### Directions
Please restate, word for word, the lines below that begin at the one with "#164=IFCINDEXEDPOLYGONALFACE((3,6,18,15));" and end at the one with "column HD 400x287',$,$,$,$,$,.COLUMN.);". Leave out all other lines.

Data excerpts
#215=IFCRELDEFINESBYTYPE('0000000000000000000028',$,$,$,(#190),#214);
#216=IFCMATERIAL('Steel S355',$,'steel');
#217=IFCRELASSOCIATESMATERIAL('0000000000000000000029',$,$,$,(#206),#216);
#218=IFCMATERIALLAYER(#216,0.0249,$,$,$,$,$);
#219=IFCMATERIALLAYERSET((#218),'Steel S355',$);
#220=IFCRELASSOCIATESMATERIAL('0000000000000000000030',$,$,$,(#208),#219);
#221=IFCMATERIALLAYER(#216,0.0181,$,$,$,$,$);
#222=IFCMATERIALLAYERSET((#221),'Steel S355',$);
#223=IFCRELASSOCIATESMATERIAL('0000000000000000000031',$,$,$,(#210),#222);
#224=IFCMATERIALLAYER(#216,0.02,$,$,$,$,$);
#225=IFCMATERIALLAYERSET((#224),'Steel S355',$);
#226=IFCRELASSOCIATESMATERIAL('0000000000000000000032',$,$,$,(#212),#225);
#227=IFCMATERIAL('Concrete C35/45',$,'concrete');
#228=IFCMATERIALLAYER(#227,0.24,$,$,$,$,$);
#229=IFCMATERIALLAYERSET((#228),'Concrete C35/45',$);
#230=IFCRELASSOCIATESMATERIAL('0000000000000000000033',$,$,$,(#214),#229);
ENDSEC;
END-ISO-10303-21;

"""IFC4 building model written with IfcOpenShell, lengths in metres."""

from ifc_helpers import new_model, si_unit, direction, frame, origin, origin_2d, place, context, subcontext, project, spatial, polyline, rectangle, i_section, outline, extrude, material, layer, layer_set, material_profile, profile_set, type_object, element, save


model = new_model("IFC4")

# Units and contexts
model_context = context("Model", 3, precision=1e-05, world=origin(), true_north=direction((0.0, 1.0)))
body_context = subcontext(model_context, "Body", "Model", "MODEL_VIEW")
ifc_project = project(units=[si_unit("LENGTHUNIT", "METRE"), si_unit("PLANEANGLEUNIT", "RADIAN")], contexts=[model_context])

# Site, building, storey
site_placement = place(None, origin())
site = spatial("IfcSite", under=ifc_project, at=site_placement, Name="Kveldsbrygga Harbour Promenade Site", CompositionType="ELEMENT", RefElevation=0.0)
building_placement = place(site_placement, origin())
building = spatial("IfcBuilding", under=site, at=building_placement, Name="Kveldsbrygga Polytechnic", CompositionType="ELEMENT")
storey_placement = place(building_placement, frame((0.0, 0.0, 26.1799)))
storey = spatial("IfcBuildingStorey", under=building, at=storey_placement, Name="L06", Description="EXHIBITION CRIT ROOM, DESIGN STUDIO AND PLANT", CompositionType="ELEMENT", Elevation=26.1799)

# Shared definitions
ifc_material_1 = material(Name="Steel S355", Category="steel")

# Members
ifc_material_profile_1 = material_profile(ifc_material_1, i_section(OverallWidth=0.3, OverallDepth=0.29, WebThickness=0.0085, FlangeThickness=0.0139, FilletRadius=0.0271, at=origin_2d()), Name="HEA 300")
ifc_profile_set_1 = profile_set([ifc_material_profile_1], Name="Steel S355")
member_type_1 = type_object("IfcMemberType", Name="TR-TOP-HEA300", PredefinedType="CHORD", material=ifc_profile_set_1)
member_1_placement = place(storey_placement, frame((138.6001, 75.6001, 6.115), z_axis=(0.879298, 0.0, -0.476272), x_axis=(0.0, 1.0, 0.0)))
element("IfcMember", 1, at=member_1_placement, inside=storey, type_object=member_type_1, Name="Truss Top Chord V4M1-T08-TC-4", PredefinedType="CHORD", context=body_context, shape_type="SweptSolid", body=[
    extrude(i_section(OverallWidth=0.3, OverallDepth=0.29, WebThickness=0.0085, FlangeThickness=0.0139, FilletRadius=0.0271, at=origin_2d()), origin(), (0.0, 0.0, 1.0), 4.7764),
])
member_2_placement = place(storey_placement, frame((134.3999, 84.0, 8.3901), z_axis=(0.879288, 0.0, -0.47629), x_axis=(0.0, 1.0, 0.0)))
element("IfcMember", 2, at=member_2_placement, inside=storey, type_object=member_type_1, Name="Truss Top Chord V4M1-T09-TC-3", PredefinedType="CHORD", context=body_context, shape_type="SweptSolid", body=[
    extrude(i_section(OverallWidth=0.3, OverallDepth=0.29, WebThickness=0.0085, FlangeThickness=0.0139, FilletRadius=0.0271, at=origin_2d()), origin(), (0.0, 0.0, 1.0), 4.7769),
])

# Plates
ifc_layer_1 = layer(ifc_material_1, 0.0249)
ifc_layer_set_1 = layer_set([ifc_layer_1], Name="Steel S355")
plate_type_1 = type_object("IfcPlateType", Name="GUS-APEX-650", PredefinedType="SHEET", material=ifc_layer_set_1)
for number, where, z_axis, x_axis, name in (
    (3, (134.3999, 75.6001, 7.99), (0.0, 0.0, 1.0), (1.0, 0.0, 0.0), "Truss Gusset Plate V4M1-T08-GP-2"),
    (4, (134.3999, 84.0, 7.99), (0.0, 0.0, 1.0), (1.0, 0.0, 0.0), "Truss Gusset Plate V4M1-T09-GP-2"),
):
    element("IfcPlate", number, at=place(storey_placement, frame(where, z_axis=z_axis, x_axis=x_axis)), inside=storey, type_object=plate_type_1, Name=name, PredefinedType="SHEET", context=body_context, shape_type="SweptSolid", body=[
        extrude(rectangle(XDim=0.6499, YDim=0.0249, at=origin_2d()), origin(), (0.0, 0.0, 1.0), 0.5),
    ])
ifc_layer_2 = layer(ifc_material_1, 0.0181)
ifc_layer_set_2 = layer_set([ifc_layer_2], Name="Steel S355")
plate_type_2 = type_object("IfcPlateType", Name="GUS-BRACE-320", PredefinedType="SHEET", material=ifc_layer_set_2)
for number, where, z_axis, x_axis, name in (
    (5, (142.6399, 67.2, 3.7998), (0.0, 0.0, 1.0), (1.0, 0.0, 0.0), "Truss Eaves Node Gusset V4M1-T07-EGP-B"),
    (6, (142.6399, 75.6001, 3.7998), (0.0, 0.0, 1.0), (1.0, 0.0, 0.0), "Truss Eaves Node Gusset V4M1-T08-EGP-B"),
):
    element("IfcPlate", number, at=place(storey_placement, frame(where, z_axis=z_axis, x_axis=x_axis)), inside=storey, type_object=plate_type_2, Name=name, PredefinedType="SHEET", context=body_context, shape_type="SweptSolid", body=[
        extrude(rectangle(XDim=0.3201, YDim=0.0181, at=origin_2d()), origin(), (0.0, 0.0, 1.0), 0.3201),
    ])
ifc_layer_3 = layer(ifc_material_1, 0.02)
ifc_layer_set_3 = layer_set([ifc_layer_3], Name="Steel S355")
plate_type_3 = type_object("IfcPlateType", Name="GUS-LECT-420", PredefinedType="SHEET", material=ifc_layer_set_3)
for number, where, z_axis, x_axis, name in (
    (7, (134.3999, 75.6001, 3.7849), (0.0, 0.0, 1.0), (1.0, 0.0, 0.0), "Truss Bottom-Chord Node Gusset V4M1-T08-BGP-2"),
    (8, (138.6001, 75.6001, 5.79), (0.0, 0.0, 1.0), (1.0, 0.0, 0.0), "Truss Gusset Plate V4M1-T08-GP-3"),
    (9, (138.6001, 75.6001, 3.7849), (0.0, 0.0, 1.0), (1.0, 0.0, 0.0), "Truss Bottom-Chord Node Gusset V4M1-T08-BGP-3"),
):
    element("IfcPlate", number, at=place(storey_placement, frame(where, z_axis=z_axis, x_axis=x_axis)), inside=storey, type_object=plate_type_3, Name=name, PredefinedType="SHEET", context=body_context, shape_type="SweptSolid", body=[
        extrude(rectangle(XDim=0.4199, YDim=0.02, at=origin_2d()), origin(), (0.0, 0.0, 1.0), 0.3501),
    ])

* * *

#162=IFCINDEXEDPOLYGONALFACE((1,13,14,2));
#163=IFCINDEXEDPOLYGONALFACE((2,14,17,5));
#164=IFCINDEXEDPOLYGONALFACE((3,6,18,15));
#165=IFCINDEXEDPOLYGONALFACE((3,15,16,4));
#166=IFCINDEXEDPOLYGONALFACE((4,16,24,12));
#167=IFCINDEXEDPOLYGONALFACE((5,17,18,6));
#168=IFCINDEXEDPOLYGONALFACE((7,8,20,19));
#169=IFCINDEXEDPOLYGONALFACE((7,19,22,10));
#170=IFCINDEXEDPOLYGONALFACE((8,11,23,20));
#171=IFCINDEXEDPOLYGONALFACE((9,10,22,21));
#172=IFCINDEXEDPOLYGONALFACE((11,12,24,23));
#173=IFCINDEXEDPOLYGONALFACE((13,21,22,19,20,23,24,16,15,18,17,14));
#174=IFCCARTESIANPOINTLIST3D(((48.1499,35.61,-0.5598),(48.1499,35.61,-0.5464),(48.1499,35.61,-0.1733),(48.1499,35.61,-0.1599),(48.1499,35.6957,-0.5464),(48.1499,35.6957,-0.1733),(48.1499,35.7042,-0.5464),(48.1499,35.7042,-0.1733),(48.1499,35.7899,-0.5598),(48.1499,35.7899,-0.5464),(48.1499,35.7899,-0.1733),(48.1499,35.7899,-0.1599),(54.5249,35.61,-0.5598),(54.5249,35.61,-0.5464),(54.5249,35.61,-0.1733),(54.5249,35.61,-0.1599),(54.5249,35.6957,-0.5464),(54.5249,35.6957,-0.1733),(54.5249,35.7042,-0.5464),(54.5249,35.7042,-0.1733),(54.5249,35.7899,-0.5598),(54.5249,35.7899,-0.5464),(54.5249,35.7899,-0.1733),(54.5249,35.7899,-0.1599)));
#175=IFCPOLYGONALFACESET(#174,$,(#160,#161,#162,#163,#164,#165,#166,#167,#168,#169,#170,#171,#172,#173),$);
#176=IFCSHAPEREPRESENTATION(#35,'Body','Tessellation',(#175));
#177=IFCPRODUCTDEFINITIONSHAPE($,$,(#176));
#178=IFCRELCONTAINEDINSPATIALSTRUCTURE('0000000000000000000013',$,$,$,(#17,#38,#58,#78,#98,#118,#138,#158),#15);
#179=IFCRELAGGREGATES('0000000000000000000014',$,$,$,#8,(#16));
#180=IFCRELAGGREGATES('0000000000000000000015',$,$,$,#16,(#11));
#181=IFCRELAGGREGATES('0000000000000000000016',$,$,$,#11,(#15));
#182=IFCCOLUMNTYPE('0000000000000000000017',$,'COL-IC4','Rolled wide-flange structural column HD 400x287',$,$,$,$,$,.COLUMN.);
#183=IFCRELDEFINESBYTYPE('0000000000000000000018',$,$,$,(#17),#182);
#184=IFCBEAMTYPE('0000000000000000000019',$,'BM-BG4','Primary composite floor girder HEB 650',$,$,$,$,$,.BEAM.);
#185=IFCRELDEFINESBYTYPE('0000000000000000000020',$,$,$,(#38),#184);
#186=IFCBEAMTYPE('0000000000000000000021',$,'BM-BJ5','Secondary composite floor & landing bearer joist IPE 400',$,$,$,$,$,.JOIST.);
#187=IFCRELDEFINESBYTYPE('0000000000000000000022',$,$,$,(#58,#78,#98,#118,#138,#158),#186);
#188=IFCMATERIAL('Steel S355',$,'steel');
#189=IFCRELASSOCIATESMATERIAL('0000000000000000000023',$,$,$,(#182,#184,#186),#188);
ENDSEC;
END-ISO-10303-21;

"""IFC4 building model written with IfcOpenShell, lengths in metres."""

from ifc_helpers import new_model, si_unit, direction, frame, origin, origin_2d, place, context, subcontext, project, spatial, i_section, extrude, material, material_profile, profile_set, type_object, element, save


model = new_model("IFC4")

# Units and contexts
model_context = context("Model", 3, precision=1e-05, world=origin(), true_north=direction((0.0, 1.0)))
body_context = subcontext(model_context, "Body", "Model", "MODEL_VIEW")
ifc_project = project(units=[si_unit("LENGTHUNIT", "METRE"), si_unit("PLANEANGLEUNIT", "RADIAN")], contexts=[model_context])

### Finished exercise
#164=IFCINDEXEDPOLYGONALFACE((3,6,18,15));
#165=IFCINDEXEDPOLYGONALFACE((3,15,16,4));
#166=IFCINDEXEDPOLYGONALFACE((4,16,24,12));
#167=IFCINDEXEDPOLYGONALFACE((5,17,18,6));
#168=IFCINDEXEDPOLYGONALFACE((7,8,20,19));
#169=IFCINDEXEDPOLYGONALFACE((7,19,22,10));
#170=IFCINDEXEDPOLYGONALFACE((8,11,23,20));
#171=IFCINDEXEDPOLYGONALFACE((9,10,22,21));
#172=IFCINDEXEDPOLYGONALFACE((11,12,24,23));
#173=IFCINDEXEDPOLYGONALFACE((13,21,22,19,20,23,24,16,15,18,17,14));
#174=IFCCARTESIANPOINTLIST3D(((48.1499,35.61,-0.5598),(48.1499,35.61,-0.5464),(48.1499,35.61,-0.1733),(48.1499,35.61,-0.1599),(48.1499,35.6957,-0.5464),(48.1499,35.6957,-0.1733),(48.1499,35.7042,-0.5464),(48.1499,35.7042,-0.1733),(48.1499,35.7899,-0.5598),(48.1499,35.7899,-0.5464),(48.1499,35.7899,-0.1733),(48.1499,35.7899,-0.1599),(54.5249,35.61,-0.5598),(54.5249,35.61,-0.5464),(54.5249,35.61,-0.1733),(54.5249,35.61,-0.1599),(54.5249,35.6957,-0.5464),(54.5249,35.6957,-0.1733),(54.5249,35.7042,-0.5464),(54.5249,35.7042,-0.1733),(54.5249,35.7899,-0.5598),(54.5249,35.7899,-0.5464),(54.5249,35.7899,-0.1733),(54.5249,35.7899,-0.1599)));
#175=IFCPOLYGONALFACESET(#174,$,(#160,#161,#162,#163,#164,#165,#166,#167,#168,#169,#170,#171,#172,#173),$);
#176=IFCSHAPEREPRESENTATION(#35,'Body','Tessellation',(#175));
#177=IFCPRODUCTDEFINITIONSHAPE($,$,(#176));
#178=IFCRELCONTAINEDINSPATIALSTRUCTURE('0000000000000000000013',$,$,$,(#17,#38,#58,#78,#98,#118,#138,#158),#15);
#179=IFCRELAGGREGATES('0000000000000000000014',$,$,$,#8,(#16));
#180=IFCRELAGGREGATES('0000000000000000000015',$,$,$,#16,(#11));
#181=IFCRELAGGREGATES('0000000000000000000016',$,$,$,#11,(#15));
#182=IFCCOLUMNTYPE('0000000000000000000017',$,'COL-IC4','Rolled wide-flange structural column HD 400x287',$,$,$,$,$,.COLUMN.);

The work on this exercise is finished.